(Beginning of Input material)

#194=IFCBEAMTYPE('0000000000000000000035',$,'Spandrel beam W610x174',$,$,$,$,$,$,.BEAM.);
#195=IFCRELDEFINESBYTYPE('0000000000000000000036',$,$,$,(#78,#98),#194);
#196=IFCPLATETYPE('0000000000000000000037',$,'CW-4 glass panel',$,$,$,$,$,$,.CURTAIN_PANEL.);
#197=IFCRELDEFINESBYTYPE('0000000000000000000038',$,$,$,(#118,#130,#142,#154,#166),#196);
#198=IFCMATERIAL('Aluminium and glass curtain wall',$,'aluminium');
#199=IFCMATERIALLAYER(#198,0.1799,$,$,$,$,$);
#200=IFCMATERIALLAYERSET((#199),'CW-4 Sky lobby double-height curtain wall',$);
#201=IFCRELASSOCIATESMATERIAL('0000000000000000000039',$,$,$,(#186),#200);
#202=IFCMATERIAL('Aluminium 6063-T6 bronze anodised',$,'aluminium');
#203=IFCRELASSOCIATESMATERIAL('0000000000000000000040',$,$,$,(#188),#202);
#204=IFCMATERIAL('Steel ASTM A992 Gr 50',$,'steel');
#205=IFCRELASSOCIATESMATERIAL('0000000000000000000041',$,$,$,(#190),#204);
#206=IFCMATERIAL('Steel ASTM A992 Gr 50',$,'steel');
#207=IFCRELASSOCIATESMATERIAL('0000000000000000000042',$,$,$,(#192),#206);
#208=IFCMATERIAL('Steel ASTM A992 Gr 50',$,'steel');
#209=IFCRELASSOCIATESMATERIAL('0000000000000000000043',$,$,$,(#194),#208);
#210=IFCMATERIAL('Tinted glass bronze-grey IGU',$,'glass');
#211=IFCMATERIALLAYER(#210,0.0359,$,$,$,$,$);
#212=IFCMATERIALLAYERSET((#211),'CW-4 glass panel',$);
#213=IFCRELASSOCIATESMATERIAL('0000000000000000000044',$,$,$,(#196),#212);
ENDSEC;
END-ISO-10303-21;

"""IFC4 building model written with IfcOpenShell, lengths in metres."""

(End of Input material)
(Beginning of Input material)

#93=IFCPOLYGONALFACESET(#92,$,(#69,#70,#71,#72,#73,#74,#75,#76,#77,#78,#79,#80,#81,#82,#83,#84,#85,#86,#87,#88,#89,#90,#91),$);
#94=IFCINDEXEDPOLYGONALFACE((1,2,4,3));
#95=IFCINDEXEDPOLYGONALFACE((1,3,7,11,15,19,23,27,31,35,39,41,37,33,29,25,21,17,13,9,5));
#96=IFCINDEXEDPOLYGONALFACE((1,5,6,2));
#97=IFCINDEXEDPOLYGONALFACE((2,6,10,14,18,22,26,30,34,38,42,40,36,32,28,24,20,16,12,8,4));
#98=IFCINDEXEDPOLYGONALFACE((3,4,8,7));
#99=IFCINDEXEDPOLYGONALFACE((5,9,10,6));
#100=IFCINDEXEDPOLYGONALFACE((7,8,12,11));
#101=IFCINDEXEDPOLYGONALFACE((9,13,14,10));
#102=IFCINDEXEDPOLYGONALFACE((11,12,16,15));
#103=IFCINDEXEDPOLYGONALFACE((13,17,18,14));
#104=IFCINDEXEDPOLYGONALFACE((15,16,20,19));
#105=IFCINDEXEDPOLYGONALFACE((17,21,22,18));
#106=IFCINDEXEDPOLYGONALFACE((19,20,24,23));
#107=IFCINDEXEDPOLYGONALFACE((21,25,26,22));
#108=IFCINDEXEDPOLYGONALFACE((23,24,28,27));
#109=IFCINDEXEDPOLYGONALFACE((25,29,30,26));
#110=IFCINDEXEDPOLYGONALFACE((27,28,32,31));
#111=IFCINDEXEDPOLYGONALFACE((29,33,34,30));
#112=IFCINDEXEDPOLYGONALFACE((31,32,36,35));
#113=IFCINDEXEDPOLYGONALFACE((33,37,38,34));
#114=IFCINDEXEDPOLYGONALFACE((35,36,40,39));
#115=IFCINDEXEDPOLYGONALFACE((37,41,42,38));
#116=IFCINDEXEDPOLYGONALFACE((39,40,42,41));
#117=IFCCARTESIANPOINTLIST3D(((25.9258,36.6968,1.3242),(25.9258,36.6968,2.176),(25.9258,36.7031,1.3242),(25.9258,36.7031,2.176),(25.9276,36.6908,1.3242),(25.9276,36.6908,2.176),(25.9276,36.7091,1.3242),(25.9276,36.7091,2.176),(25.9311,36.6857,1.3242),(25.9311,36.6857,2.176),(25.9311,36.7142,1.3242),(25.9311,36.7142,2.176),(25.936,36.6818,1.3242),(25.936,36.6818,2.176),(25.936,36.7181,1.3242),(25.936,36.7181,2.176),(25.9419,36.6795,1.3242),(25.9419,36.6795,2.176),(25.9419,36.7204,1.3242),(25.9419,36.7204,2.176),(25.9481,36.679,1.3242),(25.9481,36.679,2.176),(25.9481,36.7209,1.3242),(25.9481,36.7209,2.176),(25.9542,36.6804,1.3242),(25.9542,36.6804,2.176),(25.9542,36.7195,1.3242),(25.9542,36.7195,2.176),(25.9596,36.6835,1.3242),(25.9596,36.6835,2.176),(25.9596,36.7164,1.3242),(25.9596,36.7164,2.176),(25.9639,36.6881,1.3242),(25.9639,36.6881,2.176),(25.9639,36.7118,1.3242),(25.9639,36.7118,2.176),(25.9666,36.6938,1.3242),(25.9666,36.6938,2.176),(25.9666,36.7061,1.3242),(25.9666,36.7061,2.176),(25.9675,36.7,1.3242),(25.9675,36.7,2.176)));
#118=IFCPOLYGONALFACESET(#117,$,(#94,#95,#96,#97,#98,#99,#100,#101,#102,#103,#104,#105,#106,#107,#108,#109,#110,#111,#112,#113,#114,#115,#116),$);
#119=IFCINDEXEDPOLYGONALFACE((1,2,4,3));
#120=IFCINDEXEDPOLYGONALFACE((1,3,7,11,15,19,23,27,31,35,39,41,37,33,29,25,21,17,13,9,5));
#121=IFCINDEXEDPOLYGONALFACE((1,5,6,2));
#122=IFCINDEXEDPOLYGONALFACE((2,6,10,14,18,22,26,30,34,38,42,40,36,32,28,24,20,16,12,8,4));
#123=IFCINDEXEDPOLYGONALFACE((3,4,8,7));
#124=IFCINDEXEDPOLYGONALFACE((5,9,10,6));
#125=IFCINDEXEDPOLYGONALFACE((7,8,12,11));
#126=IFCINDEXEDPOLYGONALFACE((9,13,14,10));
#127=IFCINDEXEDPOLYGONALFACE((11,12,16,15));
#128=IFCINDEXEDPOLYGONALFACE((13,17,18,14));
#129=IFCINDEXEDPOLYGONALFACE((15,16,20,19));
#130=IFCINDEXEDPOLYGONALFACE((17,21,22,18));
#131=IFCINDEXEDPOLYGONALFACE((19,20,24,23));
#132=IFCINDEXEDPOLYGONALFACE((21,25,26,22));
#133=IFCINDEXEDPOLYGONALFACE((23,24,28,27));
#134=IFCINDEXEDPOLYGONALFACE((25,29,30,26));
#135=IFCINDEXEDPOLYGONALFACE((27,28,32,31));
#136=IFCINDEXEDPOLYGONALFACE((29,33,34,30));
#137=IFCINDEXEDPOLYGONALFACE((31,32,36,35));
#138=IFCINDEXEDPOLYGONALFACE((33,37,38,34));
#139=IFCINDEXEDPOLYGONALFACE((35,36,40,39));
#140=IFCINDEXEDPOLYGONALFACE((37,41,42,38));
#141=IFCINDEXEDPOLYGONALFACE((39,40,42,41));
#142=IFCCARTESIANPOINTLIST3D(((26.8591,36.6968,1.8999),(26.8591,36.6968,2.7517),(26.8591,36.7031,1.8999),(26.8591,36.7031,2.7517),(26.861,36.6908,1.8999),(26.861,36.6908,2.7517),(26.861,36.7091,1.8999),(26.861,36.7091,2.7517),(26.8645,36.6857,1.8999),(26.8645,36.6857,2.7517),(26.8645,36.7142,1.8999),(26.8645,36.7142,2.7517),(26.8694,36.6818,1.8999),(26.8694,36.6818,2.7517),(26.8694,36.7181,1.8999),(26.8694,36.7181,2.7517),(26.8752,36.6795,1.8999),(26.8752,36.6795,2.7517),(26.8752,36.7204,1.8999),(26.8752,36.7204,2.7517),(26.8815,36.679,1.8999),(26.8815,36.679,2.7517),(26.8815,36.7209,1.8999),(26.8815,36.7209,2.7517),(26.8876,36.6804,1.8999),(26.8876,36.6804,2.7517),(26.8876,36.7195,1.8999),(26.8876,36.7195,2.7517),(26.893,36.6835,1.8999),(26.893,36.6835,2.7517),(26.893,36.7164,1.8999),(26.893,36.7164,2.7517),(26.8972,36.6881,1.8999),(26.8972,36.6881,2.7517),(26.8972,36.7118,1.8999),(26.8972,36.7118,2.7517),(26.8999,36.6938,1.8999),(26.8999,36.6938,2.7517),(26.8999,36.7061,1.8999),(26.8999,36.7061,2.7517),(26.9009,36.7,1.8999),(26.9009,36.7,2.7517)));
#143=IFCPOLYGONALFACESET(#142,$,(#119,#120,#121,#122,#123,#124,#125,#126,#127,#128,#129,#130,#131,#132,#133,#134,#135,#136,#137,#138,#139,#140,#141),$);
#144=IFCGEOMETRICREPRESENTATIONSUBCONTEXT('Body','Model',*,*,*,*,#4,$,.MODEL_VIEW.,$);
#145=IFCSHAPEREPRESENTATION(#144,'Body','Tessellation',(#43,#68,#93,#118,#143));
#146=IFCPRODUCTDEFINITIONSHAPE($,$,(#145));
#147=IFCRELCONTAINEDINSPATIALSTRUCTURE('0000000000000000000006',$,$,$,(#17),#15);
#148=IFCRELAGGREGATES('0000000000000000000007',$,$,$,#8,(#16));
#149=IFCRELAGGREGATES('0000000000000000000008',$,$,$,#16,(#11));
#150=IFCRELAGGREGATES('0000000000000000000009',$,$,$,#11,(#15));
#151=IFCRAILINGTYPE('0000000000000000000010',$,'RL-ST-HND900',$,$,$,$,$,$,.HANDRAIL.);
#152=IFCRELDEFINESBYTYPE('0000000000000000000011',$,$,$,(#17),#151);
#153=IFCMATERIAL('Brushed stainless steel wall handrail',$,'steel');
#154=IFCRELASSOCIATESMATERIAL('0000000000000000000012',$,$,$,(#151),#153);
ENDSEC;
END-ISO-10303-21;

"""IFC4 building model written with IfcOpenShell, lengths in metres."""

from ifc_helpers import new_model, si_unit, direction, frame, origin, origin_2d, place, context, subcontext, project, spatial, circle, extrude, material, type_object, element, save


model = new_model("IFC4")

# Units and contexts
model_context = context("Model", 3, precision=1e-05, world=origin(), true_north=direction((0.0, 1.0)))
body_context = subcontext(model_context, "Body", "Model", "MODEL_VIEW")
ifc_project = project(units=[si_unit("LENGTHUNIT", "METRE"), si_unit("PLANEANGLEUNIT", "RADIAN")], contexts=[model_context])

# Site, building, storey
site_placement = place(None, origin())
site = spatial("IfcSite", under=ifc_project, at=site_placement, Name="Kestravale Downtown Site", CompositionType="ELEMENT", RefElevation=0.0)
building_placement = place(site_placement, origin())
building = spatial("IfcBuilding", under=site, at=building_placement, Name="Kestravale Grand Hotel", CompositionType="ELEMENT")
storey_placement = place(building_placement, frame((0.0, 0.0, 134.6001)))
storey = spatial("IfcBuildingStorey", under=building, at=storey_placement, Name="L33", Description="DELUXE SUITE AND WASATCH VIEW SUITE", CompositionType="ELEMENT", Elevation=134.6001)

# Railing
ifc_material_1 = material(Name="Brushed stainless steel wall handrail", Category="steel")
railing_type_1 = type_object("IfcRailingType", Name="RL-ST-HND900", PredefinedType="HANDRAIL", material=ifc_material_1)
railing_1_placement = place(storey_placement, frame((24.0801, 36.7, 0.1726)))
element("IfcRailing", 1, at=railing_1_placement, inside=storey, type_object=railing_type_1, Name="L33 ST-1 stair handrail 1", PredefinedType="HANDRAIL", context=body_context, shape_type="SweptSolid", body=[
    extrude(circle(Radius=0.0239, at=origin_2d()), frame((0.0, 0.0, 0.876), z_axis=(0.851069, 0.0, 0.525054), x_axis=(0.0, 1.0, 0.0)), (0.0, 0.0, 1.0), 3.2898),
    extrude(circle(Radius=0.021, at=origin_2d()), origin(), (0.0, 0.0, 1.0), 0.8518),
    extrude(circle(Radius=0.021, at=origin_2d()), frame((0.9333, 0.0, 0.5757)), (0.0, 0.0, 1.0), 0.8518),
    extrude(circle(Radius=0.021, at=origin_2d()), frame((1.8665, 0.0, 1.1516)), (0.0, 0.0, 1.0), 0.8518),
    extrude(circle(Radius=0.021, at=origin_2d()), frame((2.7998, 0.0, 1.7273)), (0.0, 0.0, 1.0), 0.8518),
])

(End of Input material)

Exercise requirements
Word for word, restate the lines of the listing above starting at the line with "#134=IFCINDEXEDPOLYGONALFACE((25,29,30,26));" and ending at the line with "#150=IFCRELAGGREGATES('0000000000000000000009',$,$,$,#11,(#15));", and nothing outside them.

Result of the exercise
#134=IFCINDEXEDPOLYGONALFACE((25,29,30,26));
#135=IFCINDEXEDPOLYGONALFACE((27,28,32,31));
#136=IFCINDEXEDPOLYGONALFACE((29,33,34,30));
#137=IFCINDEXEDPOLYGONALFACE((31,32,36,35));
#138=IFCINDEXEDPOLYGONALFACE((33,37,38,34));
#139=IFCINDEXEDPOLYGONALFACE((35,36,40,39));
#140=IFCINDEXEDPOLYGONALFACE((37,41,42,38));
#141=IFCINDEXEDPOLYGONALFACE((39,40,42,41));
#142=IFCCARTESIANPOINTLIST3D(((26.8591,36.6968,1.8999),(26.8591,36.6968,2.7517),(26.8591,36.7031,1.8999),(26.8591,36.7031,2.7517),(26.861,36.6908,1.8999),(26.861,36.6908,2.7517),(26.861,36.7091,1.8999),(26.861,36.7091,2.7517),(26.8645,36.6857,1.8999),(26.8645,36.6857,2.7517),(26.8645,36.7142,1.8999),(26.8645,36.7142,2.7517),(26.8694,36.6818,1.8999),(26.8694,36.6818,2.7517),(26.8694,36.7181,1.8999),(26.8694,36.7181,2.7517),(26.8752,36.6795,1.8999),(26.8752,36.6795,2.7517),(26.8752,36.7204,1.8999),(26.8752,36.7204,2.7517),(26.8815,36.679,1.8999),(26.8815,36.679,2.7517),(26.8815,36.7209,1.8999),(26.8815,36.7209,2.7517),(26.8876,36.6804,1.8999),(26.8876,36.6804,2.7517),(26.8876,36.7195,1.8999),(26.8876,36.7195,2.7517),(26.893,36.6835,1.8999),(26.893,36.6835,2.7517),(26.893,36.7164,1.8999),(26.893,36.7164,2.7517),(26.8972,36.6881,1.8999),(26.8972,36.6881,2.7517),(26.8972,36.7118,1.8999),(26.8972,36.7118,2.7517),(26.8999,36.6938,1.8999),(26.8999,36.6938,2.7517),(26.8999,36.7061,1.8999),(26.8999,36.7061,2.7517),(26.9009,36.7,1.8999),(26.9009,36.7,2.7517)));
#143=IFCPOLYGONALFACESET(#142,$,(#119,#120,#121,#122,#123,#124,#125,#126,#127,#128,#129,#130,#131,#132,#133,#134,#135,#136,#137,#138,#139,#140,#141),$);
#144=IFCGEOMETRICREPRESENTATIONSUBCONTEXT('Body','Model',*,*,*,*,#4,$,.MODEL_VIEW.,$);
#145=IFCSHAPEREPRESENTATION(#144,'Body','Tessellation',(#43,#68,#93,#118,#143));
#146=IFCPRODUCTDEFINITIONSHAPE($,$,(#145));
#147=IFCRELCONTAINEDINSPATIALSTRUCTURE('0000000000000000000006',$,$,$,(#17),#15);
#148=IFCRELAGGREGATES('0000000000000000000007',$,$,$,#8,(#16));
#149=IFCRELAGGREGATES('0000000000000000000008',$,$,$,#16,(#11));
#150=IFCRELAGGREGATES('0000000000000000000009',$,$,$,#11,(#15));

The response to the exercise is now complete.